(Beginning of Records for this exercise)

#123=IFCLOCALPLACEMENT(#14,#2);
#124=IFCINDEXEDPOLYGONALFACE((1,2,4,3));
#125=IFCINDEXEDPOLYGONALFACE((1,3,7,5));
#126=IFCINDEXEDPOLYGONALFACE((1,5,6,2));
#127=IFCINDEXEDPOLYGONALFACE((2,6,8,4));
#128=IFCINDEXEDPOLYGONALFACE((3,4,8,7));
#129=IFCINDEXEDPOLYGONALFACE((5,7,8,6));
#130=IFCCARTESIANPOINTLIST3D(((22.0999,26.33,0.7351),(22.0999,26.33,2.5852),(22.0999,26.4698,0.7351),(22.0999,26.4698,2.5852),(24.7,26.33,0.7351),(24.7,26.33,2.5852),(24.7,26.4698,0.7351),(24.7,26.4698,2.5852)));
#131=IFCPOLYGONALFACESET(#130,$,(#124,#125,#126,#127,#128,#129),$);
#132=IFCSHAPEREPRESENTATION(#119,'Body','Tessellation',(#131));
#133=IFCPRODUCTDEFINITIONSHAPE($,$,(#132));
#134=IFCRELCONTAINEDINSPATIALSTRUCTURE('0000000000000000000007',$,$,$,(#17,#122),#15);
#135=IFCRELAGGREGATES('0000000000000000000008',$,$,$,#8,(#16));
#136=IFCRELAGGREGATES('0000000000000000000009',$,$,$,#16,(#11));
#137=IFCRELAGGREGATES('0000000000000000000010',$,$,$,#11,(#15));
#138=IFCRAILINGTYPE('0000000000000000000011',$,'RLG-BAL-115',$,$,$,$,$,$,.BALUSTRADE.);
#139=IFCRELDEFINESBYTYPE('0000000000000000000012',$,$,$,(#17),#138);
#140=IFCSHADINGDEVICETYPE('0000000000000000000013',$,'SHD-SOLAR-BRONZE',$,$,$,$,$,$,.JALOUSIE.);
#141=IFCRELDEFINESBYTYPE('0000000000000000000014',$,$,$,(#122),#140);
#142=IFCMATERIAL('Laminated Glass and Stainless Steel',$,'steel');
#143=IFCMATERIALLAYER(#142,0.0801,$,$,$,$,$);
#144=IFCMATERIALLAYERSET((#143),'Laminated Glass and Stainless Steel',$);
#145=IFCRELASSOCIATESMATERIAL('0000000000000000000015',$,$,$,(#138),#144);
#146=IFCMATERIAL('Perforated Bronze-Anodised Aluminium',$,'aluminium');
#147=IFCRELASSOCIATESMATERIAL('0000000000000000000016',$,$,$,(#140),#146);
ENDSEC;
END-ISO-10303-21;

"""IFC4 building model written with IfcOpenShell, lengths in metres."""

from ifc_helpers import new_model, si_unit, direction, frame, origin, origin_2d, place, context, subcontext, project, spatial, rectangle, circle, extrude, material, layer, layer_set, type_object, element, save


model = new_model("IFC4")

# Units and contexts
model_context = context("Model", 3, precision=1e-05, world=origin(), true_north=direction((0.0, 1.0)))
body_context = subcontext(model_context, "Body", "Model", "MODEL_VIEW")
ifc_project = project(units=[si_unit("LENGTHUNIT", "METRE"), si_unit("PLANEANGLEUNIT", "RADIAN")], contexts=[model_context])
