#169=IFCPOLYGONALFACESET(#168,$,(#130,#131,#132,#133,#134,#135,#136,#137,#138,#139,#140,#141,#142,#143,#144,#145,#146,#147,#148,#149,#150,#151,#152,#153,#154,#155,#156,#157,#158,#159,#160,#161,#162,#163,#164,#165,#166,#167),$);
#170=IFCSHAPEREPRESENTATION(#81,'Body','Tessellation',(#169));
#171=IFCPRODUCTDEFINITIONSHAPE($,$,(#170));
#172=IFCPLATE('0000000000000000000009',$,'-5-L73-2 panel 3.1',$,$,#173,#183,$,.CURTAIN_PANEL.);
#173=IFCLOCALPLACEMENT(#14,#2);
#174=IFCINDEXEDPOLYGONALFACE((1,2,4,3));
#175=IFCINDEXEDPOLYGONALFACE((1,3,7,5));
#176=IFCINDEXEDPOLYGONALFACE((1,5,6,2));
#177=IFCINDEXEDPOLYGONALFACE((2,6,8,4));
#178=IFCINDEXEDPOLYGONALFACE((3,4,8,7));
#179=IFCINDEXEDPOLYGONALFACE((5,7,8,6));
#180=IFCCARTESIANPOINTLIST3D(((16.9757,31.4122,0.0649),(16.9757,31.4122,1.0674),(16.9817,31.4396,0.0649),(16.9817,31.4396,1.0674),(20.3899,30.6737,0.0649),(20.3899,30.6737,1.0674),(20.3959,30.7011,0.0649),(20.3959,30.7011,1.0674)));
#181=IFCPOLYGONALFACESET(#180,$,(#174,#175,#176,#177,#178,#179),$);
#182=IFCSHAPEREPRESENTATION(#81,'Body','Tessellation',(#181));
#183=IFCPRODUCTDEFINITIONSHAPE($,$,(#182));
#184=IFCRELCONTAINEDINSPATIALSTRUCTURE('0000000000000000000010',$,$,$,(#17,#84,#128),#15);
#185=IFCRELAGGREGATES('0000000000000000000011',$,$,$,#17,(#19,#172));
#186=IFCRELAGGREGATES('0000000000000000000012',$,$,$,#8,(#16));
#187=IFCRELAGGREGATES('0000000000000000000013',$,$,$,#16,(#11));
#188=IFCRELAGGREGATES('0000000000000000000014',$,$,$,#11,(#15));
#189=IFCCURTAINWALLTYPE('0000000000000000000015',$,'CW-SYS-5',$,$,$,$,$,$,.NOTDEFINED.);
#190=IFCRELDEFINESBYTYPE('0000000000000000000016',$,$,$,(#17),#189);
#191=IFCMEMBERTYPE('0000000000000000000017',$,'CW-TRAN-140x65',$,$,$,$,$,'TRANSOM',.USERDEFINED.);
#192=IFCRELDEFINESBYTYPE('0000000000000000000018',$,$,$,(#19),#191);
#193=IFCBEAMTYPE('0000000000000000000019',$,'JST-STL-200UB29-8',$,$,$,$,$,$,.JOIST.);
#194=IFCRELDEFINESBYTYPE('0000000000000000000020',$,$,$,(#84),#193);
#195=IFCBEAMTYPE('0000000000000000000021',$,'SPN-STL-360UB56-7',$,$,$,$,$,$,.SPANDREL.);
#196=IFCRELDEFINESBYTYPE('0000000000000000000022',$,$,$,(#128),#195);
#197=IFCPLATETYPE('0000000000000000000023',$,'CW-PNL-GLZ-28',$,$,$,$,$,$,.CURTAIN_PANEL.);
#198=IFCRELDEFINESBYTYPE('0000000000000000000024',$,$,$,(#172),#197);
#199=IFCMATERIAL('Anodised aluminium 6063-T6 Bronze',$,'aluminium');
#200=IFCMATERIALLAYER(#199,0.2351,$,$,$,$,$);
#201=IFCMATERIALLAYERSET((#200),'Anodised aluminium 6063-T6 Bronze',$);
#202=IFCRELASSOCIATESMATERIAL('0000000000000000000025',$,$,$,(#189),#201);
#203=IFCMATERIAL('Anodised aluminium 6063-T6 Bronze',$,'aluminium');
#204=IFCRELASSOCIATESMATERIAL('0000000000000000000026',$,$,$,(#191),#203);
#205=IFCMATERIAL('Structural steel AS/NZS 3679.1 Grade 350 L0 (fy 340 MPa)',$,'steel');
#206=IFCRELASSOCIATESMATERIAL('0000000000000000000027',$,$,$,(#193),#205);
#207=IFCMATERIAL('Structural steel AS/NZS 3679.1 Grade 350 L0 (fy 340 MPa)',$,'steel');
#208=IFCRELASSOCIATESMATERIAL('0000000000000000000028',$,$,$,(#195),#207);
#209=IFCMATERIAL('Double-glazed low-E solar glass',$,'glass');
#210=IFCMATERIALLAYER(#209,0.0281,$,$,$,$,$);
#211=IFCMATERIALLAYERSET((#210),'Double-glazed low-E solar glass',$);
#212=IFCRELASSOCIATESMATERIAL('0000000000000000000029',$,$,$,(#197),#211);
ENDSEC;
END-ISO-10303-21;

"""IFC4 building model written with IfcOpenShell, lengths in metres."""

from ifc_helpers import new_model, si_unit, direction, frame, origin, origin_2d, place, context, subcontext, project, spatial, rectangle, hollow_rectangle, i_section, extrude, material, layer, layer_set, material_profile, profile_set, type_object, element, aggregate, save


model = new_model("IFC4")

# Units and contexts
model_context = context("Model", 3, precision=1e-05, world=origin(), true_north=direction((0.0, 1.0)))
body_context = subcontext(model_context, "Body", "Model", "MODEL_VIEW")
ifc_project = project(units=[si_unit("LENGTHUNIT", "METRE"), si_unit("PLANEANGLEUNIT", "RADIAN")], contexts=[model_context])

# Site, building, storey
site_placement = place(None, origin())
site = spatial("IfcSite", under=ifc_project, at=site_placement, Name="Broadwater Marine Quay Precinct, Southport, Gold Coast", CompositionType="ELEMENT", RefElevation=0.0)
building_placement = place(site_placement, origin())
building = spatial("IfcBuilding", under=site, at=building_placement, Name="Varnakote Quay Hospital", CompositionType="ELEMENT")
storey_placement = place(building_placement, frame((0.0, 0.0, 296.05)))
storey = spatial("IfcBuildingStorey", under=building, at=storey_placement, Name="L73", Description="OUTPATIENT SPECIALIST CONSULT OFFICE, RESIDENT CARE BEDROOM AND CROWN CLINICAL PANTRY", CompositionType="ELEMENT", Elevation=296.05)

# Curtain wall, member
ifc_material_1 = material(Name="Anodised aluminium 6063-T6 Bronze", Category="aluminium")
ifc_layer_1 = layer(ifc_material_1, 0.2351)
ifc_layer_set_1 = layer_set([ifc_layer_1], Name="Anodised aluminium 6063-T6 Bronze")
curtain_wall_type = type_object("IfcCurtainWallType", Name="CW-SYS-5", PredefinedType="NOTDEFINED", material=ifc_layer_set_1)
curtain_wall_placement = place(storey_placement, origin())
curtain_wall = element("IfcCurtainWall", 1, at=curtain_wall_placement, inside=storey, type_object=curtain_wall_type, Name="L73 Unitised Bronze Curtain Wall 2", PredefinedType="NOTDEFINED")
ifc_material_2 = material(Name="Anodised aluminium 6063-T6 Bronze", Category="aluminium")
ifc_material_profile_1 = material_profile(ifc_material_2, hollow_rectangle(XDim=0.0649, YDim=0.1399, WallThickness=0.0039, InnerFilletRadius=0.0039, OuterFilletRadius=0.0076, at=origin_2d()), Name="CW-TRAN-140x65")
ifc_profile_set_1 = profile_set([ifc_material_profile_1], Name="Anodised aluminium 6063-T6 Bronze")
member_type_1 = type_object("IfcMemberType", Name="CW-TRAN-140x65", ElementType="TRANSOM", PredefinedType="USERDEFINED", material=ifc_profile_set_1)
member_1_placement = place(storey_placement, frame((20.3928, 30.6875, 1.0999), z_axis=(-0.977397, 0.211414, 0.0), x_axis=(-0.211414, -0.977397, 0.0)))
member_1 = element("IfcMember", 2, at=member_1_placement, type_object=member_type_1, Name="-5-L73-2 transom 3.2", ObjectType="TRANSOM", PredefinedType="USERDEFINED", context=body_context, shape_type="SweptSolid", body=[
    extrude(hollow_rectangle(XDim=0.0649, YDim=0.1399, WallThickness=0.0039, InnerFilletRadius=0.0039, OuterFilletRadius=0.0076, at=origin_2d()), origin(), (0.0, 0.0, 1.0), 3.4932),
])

(End of Records for this exercise)

**Assigned task**
Please retype exactly the line containing "ifc_layer_1 = layer(ifc_material_1, 0.2351)" and each line after it to the end of the records, and nothing more.

**Response to this exercise**
ifc_layer_1 = layer(ifc_material_1, 0.2351)
ifc_layer_set_1 = layer_set([ifc_layer_1], Name="Anodised aluminium 6063-T6 Bronze")
curtain_wall_type = type_object("IfcCurtainWallType", Name="CW-SYS-5", PredefinedType="NOTDEFINED", material=ifc_layer_set_1)
curtain_wall_placement = place(storey_placement, origin())
curtain_wall = element("IfcCurtainWall", 1, at=curtain_wall_placement, inside=storey, type_object=curtain_wall_type, Name="L73 Unitised Bronze Curtain Wall 2", PredefinedType="NOTDEFINED")
ifc_material_2 = material(Name="Anodised aluminium 6063-T6 Bronze", Category="aluminium")
ifc_material_profile_1 = material_profile(ifc_material_2, hollow_rectangle(XDim=0.0649, YDim=0.1399, WallThickness=0.0039, InnerFilletRadius=0.0039, OuterFilletRadius=0.0076, at=origin_2d()), Name="CW-TRAN-140x65")
ifc_profile_set_1 = profile_set([ifc_material_profile_1], Name="Anodised aluminium 6063-T6 Bronze")
member_type_1 = type_object("IfcMemberType", Name="CW-TRAN-140x65", ElementType="TRANSOM", PredefinedType="USERDEFINED", material=ifc_profile_set_1)
member_1_placement = place(storey_placement, frame((20.3928, 30.6875, 1.0999), z_axis=(-0.977397, 0.211414, 0.0), x_axis=(-0.211414, -0.977397, 0.0)))
member_1 = element("IfcMember", 2, at=member_1_placement, type_object=member_type_1, Name="-5-L73-2 transom 3.2", ObjectType="TRANSOM", PredefinedType="USERDEFINED", context=body_context, shape_type="SweptSolid", body=[
    extrude(hollow_rectangle(XDim=0.0649, YDim=0.1399, WallThickness=0.0039, InnerFilletRadius=0.0039, OuterFilletRadius=0.0076, at=origin_2d()), origin(), (0.0, 0.0, 1.0), 3.4932),
])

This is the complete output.